Problem to work on – Only the lines of the data below from the one with "#6=IFCSIUNIT(*,.PLANEANGLEUNIT.,$,.RADIAN.);" through the one with "#21=IFCINDEXEDPOLYGONALFACE((1,5,6,2));" are wanted. Repeat them exactly.
[Data for processing]
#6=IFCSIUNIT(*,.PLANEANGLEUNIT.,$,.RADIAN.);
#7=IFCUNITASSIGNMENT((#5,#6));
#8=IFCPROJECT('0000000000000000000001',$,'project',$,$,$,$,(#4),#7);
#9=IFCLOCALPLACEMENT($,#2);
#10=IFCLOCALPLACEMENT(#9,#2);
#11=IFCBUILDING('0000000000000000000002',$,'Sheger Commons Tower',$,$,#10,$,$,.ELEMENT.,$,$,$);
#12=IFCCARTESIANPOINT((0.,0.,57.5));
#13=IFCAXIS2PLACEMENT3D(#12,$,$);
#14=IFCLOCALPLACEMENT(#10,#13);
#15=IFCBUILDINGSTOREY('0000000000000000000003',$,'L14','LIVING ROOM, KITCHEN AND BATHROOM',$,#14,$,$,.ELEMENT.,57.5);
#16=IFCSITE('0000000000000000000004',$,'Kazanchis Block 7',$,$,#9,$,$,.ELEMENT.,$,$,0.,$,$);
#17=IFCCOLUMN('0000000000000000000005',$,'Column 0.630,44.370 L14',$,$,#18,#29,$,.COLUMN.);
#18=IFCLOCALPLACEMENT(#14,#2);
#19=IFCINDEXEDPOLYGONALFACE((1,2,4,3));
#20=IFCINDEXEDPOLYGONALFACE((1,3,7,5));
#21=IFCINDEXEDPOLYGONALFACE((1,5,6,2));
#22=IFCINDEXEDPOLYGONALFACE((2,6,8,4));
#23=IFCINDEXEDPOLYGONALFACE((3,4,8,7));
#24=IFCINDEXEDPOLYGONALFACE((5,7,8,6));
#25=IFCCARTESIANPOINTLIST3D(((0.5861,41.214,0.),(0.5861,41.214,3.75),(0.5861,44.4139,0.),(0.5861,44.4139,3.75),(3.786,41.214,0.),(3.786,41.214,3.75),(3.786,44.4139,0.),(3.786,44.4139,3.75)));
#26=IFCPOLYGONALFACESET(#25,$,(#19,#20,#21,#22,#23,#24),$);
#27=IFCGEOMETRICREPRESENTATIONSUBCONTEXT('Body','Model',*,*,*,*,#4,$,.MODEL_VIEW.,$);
[/Data for processing]
[Data for processing]
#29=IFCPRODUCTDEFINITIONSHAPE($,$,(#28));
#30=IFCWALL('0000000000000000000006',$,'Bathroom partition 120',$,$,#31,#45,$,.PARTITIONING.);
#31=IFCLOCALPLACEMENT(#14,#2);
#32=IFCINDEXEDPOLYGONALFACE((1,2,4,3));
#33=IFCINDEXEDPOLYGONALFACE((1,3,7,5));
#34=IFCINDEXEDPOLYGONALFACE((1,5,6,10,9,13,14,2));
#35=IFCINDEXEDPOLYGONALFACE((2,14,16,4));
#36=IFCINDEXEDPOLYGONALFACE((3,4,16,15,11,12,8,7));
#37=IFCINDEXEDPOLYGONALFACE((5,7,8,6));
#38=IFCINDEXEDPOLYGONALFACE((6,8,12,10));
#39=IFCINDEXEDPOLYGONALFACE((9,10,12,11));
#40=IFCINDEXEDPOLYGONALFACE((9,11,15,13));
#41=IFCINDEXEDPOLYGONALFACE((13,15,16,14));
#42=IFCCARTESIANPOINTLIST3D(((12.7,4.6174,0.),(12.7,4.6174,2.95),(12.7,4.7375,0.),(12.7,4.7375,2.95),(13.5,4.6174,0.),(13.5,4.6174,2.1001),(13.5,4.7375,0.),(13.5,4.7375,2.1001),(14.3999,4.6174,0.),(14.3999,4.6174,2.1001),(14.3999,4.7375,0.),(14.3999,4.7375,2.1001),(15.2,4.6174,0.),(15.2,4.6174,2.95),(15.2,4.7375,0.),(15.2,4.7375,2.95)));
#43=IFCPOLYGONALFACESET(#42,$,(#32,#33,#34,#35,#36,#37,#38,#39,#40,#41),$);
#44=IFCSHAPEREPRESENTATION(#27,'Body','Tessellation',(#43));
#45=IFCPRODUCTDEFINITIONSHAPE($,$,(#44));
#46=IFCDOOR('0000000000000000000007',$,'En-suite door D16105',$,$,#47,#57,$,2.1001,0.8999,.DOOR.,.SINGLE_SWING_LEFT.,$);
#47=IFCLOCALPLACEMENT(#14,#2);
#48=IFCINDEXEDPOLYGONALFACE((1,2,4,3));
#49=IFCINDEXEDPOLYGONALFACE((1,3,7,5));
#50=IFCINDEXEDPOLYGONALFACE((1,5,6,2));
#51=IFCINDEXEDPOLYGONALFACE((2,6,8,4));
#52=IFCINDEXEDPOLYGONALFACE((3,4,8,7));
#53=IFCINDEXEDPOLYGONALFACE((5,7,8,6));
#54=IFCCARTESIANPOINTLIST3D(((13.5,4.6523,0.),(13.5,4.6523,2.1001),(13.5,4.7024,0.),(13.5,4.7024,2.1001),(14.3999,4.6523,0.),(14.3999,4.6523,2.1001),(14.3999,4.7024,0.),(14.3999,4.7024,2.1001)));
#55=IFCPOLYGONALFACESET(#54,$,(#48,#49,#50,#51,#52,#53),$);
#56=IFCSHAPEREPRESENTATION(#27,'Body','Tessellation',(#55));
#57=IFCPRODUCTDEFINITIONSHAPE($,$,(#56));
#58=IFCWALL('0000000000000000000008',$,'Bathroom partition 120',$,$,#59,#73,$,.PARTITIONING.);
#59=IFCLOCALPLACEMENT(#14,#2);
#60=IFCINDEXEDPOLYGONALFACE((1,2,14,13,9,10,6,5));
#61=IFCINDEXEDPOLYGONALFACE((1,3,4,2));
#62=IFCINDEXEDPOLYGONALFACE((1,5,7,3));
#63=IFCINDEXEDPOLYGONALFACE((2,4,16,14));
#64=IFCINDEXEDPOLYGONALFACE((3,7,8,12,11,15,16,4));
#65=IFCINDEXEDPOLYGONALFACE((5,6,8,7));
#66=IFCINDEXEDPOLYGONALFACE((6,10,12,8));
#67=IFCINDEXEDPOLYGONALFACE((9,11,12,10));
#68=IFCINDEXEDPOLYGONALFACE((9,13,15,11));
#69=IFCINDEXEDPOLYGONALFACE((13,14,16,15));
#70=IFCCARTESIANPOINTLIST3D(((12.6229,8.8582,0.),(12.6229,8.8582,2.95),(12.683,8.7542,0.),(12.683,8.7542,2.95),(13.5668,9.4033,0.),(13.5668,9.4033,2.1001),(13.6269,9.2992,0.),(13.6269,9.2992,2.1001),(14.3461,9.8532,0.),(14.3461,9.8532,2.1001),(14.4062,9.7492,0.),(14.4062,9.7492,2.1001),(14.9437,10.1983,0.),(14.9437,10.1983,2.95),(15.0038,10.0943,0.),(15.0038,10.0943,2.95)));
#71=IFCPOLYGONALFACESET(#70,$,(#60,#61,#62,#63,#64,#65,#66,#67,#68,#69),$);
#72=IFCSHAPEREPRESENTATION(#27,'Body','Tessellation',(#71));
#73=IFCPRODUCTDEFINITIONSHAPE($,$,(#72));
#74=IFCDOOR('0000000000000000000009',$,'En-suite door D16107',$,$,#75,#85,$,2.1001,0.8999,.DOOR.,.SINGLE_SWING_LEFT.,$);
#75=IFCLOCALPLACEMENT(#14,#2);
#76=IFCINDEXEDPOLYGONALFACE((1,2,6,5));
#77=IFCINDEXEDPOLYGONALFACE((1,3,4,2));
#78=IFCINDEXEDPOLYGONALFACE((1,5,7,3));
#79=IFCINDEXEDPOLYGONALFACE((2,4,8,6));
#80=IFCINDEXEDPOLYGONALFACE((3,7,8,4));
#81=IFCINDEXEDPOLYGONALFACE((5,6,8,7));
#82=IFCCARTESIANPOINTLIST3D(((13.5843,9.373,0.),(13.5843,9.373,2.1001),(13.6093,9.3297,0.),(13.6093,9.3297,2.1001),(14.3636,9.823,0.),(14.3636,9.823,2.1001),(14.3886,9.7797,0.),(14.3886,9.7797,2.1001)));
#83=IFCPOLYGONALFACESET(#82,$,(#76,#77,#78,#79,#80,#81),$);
[/Data for processing]
Result of this exercise –
#6=IFCSIUNIT(*,.PLANEANGLEUNIT.,$,.RADIAN.);
#7=IFCUNITASSIGNMENT((#5,#6));
#8=IFCPROJECT('0000000000000000000001',$,'project',$,$,$,$,(#4),#7);
#9=IFCLOCALPLACEMENT($,#2);
#10=IFCLOCALPLACEMENT(#9,#2);
#11=IFCBUILDING('0000000000000000000002',$,'Sheger Commons Tower',$,$,#10,$,$,.ELEMENT.,$,$,$);
#12=IFCCARTESIANPOINT((0.,0.,57.5));
#13=IFCAXIS2PLACEMENT3D(#12,$,$);
#14=IFCLOCALPLACEMENT(#10,#13);
#15=IFCBUILDINGSTOREY('0000000000000000000003',$,'L14','LIVING ROOM, KITCHEN AND BATHROOM',$,#14,$,$,.ELEMENT.,57.5);
#16=IFCSITE('0000000000000000000004',$,'Kazanchis Block 7',$,$,#9,$,$,.ELEMENT.,$,$,0.,$,$);
#17=IFCCOLUMN('0000000000000000000005',$,'Column 0.630,44.370 L14',$,$,#18,#29,$,.COLUMN.);
#18=IFCLOCALPLACEMENT(#14,#2);
#19=IFCINDEXEDPOLYGONALFACE((1,2,4,3));
#20=IFCINDEXEDPOLYGONALFACE((1,3,7,5));
#21=IFCINDEXEDPOLYGONALFACE((1,5,6,2));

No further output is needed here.